ASSIGNMENT :: Reproduce the records below exactly, but only between the lines holding "#80=IFCSHAPEREPRESENTATION(#31,'Body','Tessellation',(#79));" and "#97=IFCINDEXEDPOLYGONALFACE((1,3,7,5));", inclusive.

Saved data entries:

※ ※ ※

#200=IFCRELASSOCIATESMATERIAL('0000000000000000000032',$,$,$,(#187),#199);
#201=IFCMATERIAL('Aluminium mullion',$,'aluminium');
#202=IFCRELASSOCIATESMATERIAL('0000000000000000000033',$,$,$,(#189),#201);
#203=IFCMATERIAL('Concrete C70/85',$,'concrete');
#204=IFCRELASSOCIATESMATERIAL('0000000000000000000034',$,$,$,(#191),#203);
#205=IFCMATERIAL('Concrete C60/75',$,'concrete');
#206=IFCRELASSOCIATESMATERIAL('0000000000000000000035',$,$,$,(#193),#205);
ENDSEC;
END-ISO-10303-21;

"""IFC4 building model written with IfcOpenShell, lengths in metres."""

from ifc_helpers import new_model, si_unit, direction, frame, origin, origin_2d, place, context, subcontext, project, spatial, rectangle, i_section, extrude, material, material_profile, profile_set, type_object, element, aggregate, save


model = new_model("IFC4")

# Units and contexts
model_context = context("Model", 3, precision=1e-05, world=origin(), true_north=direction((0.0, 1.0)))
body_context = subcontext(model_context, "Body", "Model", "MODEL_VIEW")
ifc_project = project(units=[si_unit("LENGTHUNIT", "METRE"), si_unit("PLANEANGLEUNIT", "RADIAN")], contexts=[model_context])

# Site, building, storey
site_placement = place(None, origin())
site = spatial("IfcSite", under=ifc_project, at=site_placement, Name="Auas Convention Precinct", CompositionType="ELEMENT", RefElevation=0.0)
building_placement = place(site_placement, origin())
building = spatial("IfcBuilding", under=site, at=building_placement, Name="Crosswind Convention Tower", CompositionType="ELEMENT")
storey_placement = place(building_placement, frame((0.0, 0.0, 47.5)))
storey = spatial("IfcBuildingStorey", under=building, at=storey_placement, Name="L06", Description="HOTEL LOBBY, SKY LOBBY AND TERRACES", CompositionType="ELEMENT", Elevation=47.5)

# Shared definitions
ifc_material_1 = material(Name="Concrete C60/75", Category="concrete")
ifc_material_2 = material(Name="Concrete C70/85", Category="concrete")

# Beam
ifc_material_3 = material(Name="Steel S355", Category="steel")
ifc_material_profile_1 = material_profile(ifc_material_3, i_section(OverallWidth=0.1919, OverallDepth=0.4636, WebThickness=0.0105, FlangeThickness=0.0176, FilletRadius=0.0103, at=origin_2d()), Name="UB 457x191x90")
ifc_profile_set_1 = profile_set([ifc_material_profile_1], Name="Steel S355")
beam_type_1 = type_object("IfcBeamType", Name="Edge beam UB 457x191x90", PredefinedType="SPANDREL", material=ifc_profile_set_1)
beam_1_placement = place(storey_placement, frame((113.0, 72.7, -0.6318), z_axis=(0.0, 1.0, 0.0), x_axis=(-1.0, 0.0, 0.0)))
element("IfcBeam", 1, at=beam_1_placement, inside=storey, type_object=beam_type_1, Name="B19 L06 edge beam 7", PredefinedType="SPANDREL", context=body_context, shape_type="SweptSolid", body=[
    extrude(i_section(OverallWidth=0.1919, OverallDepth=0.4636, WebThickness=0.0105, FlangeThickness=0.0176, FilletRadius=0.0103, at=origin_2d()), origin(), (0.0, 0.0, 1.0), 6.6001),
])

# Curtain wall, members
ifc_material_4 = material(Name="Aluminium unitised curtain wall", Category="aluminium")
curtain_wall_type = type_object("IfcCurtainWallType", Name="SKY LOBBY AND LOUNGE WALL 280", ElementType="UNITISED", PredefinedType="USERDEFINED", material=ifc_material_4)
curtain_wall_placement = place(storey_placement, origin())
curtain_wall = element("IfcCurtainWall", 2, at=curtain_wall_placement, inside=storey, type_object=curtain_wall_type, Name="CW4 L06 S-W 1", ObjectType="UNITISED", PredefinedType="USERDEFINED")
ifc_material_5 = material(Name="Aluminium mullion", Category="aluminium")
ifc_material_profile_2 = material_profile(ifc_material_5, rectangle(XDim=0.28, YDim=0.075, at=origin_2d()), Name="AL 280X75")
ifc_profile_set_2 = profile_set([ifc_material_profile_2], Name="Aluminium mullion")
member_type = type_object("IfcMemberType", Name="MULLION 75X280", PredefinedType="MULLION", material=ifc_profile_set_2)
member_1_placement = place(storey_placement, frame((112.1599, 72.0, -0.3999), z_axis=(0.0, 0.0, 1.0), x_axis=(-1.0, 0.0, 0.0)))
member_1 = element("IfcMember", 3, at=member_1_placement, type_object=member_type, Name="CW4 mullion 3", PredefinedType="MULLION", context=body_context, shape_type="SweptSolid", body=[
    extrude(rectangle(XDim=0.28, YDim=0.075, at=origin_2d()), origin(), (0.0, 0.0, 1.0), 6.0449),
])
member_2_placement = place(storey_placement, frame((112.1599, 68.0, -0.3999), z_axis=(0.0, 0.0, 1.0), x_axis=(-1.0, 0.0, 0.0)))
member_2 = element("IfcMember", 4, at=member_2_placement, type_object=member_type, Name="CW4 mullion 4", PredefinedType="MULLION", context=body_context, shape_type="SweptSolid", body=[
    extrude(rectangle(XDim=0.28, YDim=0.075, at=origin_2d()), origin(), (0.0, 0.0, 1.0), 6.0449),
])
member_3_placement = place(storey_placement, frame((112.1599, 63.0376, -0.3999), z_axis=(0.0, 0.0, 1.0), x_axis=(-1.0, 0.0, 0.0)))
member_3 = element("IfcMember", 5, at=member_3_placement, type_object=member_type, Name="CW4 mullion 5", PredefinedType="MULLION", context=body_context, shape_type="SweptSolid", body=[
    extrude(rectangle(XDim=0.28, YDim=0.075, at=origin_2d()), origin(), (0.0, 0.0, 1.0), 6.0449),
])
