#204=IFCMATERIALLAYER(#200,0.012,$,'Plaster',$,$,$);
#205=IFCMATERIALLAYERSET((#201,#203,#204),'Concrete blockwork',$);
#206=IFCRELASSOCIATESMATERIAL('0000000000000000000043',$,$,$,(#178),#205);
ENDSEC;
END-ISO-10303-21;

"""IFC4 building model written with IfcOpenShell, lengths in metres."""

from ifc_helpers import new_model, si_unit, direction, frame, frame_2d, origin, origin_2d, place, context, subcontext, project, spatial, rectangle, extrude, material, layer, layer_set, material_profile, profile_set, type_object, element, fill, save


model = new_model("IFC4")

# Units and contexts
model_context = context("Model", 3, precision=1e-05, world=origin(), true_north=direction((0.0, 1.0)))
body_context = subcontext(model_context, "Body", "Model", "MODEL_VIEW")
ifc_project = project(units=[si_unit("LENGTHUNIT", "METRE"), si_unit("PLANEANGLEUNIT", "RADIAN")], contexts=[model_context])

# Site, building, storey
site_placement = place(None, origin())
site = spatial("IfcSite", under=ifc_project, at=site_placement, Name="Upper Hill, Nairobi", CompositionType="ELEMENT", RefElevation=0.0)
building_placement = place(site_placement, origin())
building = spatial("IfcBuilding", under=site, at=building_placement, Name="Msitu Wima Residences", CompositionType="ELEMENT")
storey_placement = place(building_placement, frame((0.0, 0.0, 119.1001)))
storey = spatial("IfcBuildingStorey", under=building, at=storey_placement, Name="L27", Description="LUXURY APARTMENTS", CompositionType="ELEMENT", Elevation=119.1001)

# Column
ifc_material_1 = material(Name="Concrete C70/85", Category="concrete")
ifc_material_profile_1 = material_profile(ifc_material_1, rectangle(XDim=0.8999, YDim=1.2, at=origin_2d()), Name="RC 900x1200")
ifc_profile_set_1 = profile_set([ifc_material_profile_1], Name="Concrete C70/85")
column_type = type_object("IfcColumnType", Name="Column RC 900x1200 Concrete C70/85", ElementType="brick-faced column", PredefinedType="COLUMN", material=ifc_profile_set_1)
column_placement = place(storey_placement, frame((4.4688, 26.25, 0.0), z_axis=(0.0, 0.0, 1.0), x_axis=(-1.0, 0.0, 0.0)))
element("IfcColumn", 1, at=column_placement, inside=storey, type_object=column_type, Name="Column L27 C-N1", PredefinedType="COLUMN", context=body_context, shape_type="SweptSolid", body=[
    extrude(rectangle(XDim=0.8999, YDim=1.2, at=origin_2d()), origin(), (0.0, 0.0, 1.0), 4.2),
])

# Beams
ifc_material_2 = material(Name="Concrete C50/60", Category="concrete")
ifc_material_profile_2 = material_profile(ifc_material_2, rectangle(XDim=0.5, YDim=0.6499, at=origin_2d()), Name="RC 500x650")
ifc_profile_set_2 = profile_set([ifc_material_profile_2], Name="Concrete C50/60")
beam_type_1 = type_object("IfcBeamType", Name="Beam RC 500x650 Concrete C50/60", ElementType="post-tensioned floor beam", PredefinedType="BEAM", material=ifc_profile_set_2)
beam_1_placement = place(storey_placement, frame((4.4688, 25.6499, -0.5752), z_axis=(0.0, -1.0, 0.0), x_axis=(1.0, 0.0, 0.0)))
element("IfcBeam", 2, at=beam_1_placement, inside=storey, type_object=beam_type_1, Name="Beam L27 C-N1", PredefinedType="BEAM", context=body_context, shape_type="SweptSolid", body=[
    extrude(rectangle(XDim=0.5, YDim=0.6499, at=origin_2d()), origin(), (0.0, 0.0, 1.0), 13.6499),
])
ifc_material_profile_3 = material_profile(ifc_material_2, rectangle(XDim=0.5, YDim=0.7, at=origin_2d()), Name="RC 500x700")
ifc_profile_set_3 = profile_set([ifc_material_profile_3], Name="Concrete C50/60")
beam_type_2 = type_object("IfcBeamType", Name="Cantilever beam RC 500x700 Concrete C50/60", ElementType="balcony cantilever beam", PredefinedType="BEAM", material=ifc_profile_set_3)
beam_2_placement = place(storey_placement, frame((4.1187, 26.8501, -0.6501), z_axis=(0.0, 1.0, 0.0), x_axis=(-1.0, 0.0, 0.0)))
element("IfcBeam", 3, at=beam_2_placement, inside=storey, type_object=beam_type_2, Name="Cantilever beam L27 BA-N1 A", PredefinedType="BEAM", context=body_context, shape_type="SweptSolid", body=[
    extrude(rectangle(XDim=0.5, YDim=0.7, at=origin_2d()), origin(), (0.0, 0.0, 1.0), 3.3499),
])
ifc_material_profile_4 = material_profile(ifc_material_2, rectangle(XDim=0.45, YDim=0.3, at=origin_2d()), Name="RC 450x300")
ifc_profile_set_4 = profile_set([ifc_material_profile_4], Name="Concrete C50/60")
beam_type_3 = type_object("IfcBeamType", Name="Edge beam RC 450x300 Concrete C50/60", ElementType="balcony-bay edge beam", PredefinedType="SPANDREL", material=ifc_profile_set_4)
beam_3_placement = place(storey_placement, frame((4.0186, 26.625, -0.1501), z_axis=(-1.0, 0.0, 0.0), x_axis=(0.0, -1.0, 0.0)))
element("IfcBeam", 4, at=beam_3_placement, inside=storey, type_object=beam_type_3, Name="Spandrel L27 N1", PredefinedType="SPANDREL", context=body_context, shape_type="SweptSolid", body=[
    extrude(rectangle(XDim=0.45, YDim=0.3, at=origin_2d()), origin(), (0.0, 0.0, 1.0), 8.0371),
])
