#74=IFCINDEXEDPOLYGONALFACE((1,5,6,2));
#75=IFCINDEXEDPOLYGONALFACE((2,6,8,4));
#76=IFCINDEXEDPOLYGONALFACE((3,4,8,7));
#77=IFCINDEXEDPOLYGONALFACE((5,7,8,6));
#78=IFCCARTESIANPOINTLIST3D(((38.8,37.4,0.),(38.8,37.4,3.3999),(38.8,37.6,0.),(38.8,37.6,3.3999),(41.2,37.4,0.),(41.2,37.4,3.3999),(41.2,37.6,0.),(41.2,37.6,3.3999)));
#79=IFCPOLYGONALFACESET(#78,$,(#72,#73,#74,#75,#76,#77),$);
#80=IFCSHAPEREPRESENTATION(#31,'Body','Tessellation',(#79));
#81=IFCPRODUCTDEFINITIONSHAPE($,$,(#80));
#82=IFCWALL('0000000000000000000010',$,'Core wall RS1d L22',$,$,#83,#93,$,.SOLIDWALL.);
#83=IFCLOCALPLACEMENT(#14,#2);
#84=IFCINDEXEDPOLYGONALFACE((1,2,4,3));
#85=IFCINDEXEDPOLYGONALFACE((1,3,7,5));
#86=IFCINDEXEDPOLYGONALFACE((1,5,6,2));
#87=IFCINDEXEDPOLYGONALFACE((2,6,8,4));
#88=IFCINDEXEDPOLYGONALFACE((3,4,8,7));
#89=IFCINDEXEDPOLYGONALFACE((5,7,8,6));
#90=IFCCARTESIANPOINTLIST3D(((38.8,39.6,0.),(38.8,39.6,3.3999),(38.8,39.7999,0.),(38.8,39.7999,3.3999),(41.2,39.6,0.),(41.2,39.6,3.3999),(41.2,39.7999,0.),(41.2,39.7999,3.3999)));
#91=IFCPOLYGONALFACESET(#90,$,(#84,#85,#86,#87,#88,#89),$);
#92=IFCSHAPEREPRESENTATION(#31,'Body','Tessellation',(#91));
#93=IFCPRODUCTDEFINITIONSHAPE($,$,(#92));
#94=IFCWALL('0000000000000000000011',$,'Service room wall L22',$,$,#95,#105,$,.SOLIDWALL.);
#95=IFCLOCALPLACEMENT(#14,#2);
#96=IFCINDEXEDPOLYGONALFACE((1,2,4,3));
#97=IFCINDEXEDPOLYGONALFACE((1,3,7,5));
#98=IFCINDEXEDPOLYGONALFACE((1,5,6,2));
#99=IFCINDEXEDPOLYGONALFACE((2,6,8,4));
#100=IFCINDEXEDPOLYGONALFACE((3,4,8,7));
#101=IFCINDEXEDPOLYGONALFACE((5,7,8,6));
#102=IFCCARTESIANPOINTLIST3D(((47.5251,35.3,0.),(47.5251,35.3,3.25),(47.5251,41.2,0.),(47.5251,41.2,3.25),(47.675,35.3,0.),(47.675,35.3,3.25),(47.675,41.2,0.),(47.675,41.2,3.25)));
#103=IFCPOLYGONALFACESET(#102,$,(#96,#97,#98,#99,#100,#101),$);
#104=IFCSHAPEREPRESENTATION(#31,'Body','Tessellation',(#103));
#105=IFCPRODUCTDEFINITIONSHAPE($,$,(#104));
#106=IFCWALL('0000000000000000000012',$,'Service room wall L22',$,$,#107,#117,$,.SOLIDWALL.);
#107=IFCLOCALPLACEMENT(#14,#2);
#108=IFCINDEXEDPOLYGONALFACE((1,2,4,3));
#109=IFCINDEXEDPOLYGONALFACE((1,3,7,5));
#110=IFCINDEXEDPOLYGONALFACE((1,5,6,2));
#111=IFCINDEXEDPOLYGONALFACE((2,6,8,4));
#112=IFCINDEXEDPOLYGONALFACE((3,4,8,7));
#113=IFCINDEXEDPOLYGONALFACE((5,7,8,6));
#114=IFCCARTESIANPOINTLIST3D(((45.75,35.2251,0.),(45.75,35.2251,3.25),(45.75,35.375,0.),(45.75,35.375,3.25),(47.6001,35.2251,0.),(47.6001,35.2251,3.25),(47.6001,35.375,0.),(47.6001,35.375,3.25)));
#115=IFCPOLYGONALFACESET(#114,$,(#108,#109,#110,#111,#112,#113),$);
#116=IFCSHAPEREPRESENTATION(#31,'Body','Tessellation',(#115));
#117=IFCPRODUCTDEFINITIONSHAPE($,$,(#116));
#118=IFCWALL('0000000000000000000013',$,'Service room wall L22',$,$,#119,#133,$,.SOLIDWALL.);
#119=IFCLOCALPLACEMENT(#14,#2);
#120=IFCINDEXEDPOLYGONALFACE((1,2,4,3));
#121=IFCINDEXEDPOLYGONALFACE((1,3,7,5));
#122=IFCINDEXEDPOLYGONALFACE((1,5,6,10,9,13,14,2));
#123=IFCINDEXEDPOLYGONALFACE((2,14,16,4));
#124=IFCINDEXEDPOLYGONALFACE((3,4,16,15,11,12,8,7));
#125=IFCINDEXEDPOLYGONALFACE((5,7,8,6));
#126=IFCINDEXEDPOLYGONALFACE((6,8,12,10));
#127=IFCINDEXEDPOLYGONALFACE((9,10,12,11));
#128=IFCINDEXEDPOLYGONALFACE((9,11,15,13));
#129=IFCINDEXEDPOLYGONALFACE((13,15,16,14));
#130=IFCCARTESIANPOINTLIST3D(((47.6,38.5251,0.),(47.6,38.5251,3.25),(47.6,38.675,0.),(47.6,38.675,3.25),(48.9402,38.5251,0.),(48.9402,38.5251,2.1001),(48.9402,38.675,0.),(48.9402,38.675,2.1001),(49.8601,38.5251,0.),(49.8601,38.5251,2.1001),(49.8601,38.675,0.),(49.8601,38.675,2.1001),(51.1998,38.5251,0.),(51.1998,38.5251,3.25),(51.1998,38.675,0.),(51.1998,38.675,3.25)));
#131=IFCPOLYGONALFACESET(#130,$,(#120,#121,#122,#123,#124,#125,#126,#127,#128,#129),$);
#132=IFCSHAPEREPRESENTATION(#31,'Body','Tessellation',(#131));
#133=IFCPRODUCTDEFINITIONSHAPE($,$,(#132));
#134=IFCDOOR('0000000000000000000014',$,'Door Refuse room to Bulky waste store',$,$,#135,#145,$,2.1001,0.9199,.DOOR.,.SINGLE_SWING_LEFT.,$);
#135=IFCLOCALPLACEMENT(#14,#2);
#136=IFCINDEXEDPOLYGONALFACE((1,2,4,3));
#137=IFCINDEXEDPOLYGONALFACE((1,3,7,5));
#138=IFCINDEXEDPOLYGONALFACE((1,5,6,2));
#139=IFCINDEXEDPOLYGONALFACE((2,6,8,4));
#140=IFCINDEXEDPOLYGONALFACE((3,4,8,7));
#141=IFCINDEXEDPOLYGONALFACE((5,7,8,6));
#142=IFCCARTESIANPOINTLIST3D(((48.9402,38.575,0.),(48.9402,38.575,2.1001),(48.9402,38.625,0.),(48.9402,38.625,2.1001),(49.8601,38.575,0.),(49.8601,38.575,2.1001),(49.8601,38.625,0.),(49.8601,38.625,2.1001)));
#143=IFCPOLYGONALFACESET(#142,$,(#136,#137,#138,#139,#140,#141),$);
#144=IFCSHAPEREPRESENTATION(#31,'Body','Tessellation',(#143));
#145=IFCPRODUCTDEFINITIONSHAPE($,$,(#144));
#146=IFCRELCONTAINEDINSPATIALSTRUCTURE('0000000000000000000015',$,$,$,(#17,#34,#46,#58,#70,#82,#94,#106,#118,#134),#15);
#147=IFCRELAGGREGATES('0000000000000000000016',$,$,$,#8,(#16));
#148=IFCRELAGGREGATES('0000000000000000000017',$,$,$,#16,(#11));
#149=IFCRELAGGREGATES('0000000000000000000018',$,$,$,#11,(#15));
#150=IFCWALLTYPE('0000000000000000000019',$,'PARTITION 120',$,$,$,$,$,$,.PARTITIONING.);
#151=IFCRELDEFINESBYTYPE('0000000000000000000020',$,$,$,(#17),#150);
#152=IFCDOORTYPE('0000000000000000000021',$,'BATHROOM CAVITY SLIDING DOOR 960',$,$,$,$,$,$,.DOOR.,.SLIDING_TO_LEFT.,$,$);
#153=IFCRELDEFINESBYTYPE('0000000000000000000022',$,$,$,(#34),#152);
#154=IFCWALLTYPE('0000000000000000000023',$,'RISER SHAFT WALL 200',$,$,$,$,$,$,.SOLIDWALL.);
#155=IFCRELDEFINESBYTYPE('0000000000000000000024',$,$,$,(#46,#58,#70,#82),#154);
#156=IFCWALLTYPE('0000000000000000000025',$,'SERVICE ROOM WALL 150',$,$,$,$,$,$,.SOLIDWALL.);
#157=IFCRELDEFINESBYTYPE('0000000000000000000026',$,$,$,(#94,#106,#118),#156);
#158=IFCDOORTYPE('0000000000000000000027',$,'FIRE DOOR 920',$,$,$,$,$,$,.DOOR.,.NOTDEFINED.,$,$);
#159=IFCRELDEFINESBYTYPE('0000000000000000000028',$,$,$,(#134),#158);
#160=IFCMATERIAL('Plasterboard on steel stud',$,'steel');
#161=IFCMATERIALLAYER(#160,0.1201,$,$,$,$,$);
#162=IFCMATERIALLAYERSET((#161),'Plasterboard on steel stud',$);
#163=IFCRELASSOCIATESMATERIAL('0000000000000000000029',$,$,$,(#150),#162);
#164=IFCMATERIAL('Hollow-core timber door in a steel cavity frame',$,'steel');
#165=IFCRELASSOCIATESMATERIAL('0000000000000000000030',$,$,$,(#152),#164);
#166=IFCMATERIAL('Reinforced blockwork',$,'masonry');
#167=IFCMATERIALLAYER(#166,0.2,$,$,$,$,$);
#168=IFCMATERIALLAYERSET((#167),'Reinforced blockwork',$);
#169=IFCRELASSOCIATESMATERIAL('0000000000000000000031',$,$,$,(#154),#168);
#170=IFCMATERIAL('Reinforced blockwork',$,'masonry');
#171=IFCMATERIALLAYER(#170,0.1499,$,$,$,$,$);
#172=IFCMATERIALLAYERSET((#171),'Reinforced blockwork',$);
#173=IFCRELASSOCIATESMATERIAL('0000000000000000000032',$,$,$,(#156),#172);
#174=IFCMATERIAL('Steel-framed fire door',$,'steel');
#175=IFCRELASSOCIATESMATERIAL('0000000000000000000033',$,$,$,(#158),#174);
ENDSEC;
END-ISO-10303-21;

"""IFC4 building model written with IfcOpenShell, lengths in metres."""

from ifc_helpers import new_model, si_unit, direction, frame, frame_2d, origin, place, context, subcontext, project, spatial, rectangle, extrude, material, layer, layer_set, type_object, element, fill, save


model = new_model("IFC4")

※ ※ ※

ANSWER FOR THIS EXERCISE ::
#80=IFCSHAPEREPRESENTATION(#31,'Body','Tessellation',(#79));
#81=IFCPRODUCTDEFINITIONSHAPE($,$,(#80));
#82=IFCWALL('0000000000000000000010',$,'Core wall RS1d L22',$,$,#83,#93,$,.SOLIDWALL.);
#83=IFCLOCALPLACEMENT(#14,#2);
#84=IFCINDEXEDPOLYGONALFACE((1,2,4,3));
#85=IFCINDEXEDPOLYGONALFACE((1,3,7,5));
#86=IFCINDEXEDPOLYGONALFACE((1,5,6,2));
#87=IFCINDEXEDPOLYGONALFACE((2,6,8,4));
#88=IFCINDEXEDPOLYGONALFACE((3,4,8,7));
#89=IFCINDEXEDPOLYGONALFACE((5,7,8,6));
#90=IFCCARTESIANPOINTLIST3D(((38.8,39.6,0.),(38.8,39.6,3.3999),(38.8,39.7999,0.),(38.8,39.7999,3.3999),(41.2,39.6,0.),(41.2,39.6,3.3999),(41.2,39.7999,0.),(41.2,39.7999,3.3999)));
#91=IFCPOLYGONALFACESET(#90,$,(#84,#85,#86,#87,#88,#89),$);
#92=IFCSHAPEREPRESENTATION(#31,'Body','Tessellation',(#91));
#93=IFCPRODUCTDEFINITIONSHAPE($,$,(#92));
#94=IFCWALL('0000000000000000000011',$,'Service room wall L22',$,$,#95,#105,$,.SOLIDWALL.);
#95=IFCLOCALPLACEMENT(#14,#2);
#96=IFCINDEXEDPOLYGONALFACE((1,2,4,3));
#97=IFCINDEXEDPOLYGONALFACE((1,3,7,5));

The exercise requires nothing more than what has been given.